EXERCISE PROMPT – Only some lines are wanted. Transcribe, exactly, the lines below from the line with "#103=IFCINDEXEDPOLYGONALFACE((13,17,18,14));" up to and including the line with "#108=IFCINDEXEDPOLYGONALFACE((23,24,28,27));".

MATERIAL SHOWN –
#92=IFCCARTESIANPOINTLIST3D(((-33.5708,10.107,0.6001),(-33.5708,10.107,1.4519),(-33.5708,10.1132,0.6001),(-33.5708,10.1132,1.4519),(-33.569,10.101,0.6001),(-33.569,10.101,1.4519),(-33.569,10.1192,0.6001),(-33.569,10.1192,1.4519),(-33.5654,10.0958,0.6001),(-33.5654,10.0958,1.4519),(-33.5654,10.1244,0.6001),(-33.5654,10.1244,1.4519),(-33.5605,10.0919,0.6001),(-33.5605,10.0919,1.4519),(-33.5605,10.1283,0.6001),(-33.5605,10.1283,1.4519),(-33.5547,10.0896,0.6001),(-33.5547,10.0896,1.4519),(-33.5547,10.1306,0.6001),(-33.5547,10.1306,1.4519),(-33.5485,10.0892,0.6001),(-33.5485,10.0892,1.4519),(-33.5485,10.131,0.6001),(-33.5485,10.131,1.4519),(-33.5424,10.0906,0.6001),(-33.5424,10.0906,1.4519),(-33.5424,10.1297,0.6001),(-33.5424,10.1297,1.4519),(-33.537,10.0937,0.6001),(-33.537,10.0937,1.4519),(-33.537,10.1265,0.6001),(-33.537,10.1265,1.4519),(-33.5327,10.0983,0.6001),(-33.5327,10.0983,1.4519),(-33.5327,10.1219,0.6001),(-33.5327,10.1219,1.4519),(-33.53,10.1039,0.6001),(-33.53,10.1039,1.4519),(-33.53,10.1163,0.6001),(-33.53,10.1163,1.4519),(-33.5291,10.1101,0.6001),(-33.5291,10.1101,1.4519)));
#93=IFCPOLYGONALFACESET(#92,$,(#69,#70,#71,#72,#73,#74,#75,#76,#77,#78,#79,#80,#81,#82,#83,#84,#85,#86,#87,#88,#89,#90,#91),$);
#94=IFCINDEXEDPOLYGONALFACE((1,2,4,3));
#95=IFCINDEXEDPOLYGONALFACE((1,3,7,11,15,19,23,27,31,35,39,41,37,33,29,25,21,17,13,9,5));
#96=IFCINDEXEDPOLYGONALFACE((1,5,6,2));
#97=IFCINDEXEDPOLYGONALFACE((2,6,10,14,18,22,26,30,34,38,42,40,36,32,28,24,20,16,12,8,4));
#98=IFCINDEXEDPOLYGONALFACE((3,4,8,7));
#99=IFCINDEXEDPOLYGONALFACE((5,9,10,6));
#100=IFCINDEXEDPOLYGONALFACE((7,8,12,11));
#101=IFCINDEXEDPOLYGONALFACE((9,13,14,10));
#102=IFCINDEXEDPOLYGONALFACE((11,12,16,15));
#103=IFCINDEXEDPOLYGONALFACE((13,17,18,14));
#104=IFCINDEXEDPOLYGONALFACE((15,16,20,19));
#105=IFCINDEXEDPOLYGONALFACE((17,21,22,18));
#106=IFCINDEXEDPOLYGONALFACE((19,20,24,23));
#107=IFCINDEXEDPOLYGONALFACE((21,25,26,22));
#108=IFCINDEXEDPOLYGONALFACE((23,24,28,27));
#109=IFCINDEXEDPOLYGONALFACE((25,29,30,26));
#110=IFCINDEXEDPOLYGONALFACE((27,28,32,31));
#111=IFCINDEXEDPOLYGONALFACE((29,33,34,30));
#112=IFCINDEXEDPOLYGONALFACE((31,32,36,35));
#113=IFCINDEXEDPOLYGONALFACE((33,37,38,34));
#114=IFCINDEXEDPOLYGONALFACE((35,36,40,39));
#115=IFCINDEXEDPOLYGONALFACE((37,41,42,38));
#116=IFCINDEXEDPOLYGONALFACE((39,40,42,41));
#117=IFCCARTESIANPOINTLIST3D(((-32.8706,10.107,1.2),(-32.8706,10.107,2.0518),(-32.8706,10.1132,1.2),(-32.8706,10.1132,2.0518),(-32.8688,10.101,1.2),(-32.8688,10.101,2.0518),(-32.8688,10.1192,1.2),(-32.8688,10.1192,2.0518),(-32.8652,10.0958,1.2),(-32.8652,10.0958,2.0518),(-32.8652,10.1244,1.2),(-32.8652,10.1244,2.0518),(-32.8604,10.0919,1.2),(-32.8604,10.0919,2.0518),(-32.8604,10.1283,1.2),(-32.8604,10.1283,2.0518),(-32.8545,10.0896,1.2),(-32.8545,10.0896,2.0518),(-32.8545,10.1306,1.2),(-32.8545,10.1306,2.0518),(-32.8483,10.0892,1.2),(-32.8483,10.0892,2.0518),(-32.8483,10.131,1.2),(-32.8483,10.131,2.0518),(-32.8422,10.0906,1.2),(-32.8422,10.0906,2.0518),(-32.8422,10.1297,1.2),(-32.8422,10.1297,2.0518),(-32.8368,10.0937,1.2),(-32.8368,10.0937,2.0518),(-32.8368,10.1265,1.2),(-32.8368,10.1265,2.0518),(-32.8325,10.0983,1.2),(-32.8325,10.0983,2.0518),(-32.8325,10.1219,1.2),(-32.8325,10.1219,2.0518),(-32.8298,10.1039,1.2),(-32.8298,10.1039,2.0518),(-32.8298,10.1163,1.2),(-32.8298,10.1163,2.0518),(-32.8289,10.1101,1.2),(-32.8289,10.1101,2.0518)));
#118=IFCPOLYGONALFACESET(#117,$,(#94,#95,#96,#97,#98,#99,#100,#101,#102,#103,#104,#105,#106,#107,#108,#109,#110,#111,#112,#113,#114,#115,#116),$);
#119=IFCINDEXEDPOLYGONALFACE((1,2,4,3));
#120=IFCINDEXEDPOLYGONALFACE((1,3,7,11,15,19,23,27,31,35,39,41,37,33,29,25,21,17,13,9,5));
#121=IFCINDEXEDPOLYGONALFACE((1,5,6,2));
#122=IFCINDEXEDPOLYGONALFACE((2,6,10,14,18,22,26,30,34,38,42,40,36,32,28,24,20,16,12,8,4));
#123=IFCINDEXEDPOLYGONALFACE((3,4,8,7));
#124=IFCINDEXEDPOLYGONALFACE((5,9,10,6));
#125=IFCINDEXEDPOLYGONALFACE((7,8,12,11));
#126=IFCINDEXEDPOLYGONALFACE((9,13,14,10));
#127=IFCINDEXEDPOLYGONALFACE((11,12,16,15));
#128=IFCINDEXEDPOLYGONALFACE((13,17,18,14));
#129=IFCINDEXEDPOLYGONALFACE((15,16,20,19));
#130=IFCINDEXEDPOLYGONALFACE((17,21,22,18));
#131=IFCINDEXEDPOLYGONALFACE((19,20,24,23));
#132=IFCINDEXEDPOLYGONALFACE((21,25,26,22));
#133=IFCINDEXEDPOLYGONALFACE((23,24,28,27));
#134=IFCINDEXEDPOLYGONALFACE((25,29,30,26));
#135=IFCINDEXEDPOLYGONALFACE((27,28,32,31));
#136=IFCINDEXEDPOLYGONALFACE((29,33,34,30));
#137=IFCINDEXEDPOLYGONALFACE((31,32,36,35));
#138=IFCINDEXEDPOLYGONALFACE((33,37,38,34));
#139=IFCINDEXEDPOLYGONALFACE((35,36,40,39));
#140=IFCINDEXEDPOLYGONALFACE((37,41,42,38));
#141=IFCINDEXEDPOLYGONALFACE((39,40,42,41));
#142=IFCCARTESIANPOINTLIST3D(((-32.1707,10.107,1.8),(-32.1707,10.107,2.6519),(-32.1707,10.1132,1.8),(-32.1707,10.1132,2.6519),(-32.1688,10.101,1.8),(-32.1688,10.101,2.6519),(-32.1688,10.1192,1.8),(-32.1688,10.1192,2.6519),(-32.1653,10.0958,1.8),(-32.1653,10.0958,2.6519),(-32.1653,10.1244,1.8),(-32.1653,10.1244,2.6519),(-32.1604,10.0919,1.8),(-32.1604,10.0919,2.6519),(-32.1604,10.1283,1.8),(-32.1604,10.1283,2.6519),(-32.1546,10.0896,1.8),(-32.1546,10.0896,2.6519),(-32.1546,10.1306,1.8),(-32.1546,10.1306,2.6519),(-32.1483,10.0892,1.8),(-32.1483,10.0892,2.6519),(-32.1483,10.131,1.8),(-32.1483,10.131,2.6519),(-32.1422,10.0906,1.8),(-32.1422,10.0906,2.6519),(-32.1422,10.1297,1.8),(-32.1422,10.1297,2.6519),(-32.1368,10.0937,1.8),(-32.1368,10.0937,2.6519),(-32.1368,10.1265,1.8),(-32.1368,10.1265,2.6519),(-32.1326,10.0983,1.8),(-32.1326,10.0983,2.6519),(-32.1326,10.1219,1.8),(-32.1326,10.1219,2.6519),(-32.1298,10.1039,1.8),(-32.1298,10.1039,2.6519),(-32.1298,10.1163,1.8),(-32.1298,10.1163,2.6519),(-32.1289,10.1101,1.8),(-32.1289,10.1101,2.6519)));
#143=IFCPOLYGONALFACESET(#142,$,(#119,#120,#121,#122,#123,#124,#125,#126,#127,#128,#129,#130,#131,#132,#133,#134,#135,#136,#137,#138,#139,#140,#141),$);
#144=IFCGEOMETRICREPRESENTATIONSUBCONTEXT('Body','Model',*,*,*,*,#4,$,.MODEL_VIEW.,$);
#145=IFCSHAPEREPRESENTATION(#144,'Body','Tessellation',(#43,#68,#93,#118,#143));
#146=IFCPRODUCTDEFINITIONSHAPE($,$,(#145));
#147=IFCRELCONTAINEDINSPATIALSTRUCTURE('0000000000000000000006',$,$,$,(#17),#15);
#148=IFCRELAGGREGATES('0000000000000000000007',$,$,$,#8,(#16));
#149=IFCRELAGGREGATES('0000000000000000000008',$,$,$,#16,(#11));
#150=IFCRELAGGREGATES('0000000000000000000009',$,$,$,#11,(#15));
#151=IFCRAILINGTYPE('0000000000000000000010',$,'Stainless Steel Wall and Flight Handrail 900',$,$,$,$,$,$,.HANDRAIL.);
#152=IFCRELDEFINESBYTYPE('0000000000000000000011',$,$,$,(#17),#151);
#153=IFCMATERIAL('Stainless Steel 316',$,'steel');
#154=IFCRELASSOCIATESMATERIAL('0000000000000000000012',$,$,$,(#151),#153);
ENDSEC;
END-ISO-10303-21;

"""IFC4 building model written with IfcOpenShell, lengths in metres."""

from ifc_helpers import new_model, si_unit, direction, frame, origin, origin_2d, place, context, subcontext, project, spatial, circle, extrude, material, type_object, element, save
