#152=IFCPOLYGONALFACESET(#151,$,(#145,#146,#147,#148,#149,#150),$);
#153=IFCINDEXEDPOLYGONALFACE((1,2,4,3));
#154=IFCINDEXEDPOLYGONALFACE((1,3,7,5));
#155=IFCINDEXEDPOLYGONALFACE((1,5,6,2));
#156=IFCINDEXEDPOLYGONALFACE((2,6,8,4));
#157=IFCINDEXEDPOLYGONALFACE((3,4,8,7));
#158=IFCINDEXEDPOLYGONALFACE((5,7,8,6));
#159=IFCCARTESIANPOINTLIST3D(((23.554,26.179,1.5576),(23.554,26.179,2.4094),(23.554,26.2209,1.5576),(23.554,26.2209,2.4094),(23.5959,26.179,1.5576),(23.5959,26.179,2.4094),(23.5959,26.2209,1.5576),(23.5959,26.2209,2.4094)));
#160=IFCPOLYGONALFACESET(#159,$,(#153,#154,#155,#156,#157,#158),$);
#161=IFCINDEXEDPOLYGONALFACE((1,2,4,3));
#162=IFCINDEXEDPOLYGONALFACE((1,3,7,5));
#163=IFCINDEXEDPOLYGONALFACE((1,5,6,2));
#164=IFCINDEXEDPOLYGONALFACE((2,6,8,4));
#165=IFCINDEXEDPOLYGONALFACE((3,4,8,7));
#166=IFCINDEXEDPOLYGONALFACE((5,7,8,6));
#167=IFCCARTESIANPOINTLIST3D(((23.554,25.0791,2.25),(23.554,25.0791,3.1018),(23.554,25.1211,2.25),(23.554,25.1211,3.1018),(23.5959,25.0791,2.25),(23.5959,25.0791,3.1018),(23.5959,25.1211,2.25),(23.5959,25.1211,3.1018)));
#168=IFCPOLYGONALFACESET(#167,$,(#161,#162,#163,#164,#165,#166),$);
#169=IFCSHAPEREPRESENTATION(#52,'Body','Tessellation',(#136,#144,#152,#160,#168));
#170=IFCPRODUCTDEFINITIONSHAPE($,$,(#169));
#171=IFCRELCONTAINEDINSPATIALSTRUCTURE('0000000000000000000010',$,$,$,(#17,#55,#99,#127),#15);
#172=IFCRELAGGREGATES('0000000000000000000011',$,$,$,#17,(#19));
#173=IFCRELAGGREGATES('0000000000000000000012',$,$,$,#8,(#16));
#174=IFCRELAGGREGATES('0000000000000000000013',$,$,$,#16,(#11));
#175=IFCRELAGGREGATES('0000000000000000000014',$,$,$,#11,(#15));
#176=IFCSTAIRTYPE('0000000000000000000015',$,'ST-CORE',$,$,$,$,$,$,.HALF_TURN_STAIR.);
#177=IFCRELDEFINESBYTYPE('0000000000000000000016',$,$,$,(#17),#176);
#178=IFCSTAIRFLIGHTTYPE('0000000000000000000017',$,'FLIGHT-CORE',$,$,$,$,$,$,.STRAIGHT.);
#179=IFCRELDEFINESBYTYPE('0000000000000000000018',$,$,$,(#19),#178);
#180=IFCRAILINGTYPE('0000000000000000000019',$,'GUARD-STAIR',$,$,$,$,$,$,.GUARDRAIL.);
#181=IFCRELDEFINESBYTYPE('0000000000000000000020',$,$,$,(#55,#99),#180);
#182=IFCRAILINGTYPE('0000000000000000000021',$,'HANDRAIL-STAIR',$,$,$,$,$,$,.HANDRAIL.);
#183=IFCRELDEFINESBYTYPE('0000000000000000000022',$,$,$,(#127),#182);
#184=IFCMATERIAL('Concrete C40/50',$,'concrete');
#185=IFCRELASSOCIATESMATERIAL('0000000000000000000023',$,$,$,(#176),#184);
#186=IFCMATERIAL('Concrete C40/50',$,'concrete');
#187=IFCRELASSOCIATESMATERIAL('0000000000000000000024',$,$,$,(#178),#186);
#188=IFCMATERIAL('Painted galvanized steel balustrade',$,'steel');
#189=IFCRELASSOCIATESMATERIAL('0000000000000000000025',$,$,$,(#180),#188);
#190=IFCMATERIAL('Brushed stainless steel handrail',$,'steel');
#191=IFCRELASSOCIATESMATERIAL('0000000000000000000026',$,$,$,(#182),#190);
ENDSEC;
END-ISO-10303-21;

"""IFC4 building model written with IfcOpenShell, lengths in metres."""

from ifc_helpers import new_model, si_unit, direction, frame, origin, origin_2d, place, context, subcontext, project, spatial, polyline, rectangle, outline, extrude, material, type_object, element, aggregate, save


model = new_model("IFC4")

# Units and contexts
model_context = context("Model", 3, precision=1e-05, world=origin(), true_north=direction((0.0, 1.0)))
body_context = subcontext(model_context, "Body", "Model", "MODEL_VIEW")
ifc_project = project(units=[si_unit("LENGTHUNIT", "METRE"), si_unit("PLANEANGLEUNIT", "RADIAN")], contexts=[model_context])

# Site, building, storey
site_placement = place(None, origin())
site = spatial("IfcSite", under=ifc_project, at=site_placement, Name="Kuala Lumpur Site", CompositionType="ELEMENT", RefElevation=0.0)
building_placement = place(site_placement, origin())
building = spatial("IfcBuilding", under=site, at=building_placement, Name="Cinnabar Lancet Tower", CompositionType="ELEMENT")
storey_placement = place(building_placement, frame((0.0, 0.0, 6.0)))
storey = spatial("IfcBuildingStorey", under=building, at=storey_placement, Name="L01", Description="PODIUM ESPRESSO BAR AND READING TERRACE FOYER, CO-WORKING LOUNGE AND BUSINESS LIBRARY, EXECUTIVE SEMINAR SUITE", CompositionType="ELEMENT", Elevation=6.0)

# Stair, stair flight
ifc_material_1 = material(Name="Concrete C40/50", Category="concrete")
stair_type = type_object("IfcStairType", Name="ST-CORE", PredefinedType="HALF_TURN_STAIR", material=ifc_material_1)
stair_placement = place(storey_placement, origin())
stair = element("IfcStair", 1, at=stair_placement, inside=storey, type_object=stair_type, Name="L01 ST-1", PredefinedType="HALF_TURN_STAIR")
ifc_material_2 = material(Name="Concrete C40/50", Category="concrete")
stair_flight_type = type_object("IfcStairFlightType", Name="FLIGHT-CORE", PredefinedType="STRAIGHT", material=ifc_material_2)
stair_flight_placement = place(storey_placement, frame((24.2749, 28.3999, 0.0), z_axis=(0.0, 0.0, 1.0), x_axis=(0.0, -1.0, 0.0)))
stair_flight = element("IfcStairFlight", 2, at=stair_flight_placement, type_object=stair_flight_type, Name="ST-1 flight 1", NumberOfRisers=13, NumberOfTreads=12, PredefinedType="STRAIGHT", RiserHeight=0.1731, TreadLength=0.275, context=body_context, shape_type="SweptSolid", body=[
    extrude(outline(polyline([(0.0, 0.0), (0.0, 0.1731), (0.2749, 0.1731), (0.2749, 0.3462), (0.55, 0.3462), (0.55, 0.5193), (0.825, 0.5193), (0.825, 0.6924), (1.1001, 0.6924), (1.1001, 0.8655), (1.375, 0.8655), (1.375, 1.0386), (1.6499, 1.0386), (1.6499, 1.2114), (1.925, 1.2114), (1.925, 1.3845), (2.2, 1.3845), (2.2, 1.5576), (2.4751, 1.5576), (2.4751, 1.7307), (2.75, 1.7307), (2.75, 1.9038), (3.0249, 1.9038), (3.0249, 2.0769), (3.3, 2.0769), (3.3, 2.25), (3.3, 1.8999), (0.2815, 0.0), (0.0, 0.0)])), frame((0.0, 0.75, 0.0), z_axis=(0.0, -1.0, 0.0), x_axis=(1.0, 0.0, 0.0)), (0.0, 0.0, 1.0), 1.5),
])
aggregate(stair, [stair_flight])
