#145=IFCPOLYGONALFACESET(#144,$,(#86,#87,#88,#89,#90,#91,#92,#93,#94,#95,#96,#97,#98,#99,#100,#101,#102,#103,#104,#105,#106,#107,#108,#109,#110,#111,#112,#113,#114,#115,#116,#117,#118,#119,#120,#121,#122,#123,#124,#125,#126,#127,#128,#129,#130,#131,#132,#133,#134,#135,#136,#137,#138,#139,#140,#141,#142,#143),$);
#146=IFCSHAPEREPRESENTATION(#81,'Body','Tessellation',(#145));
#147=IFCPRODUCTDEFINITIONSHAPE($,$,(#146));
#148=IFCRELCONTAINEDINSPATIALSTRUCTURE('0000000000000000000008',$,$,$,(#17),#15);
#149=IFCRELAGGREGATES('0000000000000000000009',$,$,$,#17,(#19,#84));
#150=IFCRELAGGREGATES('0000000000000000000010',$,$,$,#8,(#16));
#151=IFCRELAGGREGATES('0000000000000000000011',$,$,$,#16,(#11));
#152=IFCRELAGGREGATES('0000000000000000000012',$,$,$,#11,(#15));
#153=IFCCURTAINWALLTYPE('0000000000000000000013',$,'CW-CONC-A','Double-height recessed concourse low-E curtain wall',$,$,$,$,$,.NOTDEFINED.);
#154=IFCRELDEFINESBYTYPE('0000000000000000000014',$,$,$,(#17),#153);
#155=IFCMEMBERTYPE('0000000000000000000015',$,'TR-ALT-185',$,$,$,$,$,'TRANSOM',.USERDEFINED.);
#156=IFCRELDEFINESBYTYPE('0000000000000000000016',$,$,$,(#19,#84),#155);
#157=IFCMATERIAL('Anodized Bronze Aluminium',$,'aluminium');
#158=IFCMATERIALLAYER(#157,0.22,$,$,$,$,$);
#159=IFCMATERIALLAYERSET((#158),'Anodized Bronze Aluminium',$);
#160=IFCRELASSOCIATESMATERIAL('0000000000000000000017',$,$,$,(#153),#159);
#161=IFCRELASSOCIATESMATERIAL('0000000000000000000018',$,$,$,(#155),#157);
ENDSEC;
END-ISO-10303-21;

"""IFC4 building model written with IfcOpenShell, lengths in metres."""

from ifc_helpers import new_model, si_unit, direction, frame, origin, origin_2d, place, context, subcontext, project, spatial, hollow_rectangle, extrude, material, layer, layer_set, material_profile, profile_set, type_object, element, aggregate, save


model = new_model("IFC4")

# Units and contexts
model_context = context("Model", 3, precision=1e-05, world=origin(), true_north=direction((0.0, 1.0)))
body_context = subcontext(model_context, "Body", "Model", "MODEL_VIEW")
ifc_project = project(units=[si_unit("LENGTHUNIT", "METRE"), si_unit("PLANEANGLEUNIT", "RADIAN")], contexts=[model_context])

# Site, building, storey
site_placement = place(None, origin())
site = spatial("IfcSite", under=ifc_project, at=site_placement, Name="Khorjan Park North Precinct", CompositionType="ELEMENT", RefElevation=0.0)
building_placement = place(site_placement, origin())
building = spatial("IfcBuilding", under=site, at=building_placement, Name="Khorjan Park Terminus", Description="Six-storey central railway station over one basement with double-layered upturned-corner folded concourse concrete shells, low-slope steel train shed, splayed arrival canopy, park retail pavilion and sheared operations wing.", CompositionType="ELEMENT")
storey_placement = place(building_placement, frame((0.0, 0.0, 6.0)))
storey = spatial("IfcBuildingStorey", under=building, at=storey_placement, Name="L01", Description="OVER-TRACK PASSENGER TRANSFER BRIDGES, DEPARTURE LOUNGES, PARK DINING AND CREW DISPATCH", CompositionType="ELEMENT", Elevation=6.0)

EXERCISE SOLUTION –
#103=IFCINDEXEDPOLYGONALFACE((13,17,18,14));
#104=IFCINDEXEDPOLYGONALFACE((15,16,20,19));
#105=IFCINDEXEDPOLYGONALFACE((17,21,22,18));
#106=IFCINDEXEDPOLYGONALFACE((19,20,24,23));
#107=IFCINDEXEDPOLYGONALFACE((21,25,26,22));
#108=IFCINDEXEDPOLYGONALFACE((23,24,28,27));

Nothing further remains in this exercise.